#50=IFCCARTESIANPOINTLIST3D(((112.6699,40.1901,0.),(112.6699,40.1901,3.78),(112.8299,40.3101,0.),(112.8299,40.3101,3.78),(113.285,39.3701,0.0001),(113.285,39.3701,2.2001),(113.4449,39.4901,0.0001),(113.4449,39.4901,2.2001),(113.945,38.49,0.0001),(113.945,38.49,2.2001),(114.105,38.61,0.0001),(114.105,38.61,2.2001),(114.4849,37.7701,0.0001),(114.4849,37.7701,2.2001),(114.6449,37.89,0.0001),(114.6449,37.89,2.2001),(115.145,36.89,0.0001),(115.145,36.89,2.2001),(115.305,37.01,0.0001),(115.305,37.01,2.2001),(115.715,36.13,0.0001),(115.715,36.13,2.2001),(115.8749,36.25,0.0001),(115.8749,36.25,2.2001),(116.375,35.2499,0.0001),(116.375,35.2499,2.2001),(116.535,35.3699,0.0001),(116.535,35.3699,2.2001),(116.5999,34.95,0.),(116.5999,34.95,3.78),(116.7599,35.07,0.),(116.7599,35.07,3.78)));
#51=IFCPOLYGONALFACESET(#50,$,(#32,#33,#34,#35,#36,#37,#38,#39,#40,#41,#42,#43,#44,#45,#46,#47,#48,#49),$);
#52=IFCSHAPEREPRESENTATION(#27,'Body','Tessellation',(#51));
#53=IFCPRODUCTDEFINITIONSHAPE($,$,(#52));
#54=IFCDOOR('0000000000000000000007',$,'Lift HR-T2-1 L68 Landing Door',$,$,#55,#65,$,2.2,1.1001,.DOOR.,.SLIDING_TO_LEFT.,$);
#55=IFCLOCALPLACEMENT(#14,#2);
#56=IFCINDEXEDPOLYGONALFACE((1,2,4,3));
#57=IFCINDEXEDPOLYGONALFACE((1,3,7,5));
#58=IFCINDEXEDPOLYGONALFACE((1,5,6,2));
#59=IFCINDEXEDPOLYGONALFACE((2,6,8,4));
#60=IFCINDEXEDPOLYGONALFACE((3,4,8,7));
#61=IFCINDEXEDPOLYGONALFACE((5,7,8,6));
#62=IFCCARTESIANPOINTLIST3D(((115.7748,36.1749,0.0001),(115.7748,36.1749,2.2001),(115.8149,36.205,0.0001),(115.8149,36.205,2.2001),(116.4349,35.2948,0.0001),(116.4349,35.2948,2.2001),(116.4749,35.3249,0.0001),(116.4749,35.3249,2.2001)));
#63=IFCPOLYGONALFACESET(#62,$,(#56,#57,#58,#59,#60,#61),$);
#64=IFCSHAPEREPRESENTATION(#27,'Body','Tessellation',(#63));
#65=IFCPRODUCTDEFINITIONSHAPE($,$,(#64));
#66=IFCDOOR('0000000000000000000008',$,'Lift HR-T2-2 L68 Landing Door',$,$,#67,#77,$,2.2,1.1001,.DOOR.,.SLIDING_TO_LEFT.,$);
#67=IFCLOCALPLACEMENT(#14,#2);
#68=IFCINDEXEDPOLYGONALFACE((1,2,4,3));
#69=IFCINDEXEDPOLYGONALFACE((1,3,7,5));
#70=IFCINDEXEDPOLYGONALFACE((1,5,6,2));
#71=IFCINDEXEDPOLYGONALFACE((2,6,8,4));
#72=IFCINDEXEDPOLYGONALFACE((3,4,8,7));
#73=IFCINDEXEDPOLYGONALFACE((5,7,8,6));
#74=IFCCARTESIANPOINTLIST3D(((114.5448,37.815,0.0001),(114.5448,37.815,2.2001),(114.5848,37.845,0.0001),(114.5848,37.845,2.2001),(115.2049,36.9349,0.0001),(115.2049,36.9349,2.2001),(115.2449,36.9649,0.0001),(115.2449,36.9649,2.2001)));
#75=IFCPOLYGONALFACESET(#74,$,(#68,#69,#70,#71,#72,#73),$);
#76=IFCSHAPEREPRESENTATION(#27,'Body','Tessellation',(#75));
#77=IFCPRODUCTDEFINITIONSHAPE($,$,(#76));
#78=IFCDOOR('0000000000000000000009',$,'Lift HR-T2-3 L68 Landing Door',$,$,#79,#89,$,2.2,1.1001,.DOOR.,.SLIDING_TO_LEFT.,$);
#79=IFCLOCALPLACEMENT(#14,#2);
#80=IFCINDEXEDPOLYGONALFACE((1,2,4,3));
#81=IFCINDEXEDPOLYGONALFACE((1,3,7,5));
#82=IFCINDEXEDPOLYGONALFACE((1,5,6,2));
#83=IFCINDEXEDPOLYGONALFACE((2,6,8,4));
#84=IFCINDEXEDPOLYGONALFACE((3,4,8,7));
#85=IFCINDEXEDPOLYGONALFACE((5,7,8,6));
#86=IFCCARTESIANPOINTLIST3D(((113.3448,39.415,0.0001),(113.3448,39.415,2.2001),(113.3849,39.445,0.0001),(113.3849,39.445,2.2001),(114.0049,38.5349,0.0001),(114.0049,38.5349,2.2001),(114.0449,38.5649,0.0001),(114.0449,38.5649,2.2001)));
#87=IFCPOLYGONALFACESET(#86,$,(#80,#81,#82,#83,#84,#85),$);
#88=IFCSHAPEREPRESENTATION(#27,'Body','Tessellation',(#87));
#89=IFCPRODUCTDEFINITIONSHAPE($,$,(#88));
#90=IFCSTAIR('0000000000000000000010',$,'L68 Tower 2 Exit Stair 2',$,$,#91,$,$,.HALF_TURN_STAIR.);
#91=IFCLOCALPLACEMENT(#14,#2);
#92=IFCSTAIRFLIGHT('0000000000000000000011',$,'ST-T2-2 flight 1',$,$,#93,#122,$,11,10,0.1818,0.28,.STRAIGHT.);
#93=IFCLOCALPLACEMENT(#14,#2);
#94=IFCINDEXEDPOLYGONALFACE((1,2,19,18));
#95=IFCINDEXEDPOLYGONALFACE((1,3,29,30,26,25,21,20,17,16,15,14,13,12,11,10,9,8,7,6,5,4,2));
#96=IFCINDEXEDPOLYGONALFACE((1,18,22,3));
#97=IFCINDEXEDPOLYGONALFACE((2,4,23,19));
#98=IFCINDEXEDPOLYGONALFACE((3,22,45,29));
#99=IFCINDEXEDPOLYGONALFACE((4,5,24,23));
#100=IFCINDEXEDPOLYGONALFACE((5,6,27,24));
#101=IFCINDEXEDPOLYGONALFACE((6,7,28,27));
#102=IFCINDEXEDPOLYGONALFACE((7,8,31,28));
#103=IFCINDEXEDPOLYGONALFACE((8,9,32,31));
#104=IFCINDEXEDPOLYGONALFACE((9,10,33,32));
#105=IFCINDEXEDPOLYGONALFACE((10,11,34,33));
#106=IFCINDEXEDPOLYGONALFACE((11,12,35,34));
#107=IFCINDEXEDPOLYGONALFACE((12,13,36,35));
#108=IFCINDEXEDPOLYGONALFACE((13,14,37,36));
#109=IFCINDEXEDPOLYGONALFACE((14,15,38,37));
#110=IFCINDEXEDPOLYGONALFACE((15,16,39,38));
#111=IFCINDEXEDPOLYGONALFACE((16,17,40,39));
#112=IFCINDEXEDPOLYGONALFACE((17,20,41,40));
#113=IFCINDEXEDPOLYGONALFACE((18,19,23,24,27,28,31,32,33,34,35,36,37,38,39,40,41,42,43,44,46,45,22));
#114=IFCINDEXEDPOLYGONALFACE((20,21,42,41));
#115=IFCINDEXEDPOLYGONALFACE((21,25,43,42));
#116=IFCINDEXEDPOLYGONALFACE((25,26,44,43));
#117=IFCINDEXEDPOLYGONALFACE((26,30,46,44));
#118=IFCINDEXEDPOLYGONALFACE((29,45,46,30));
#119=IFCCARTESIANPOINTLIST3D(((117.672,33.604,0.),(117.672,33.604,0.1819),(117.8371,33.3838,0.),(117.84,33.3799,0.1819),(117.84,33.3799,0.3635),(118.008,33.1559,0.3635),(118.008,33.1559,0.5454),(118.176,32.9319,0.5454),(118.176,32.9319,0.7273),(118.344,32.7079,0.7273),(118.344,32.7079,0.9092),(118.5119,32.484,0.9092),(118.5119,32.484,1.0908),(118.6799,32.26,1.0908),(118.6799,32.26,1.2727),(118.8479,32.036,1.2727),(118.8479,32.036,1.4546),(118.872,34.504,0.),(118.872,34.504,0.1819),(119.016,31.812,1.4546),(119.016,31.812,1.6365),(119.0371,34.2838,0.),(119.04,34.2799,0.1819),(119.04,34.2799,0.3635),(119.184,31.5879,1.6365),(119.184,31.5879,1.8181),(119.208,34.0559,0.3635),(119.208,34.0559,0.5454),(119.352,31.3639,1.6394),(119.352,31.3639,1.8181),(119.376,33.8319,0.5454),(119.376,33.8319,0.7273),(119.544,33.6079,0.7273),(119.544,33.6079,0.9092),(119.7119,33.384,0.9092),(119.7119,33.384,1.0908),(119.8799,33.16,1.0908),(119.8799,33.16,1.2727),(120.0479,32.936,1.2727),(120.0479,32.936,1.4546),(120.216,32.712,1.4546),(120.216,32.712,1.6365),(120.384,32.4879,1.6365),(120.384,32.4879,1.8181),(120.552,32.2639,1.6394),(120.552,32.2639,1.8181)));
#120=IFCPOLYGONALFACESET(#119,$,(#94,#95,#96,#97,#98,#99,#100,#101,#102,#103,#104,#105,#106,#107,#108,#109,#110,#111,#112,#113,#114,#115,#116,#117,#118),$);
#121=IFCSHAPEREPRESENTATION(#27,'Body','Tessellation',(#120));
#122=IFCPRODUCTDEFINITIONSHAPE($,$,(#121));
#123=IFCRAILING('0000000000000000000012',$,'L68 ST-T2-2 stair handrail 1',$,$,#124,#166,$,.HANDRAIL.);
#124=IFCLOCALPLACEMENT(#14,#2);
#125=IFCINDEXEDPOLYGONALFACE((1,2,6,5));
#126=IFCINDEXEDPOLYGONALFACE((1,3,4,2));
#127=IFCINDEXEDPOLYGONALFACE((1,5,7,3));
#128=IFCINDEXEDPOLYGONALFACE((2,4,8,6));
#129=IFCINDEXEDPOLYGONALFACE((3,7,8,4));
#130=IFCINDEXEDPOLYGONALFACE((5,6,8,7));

■ ■ ■

▶ Directions for this task
Above are the records; copy every line in them that holds the word "Tessellation".

▶ Response to the task
#52=IFCSHAPEREPRESENTATION(#27,'Body','Tessellation',(#51));
#64=IFCSHAPEREPRESENTATION(#27,'Body','Tessellation',(#63));
#76=IFCSHAPEREPRESENTATION(#27,'Body','Tessellation',(#75));
#88=IFCSHAPEREPRESENTATION(#27,'Body','Tessellation',(#87));
#121=IFCSHAPEREPRESENTATION(#27,'Body','Tessellation',(#120));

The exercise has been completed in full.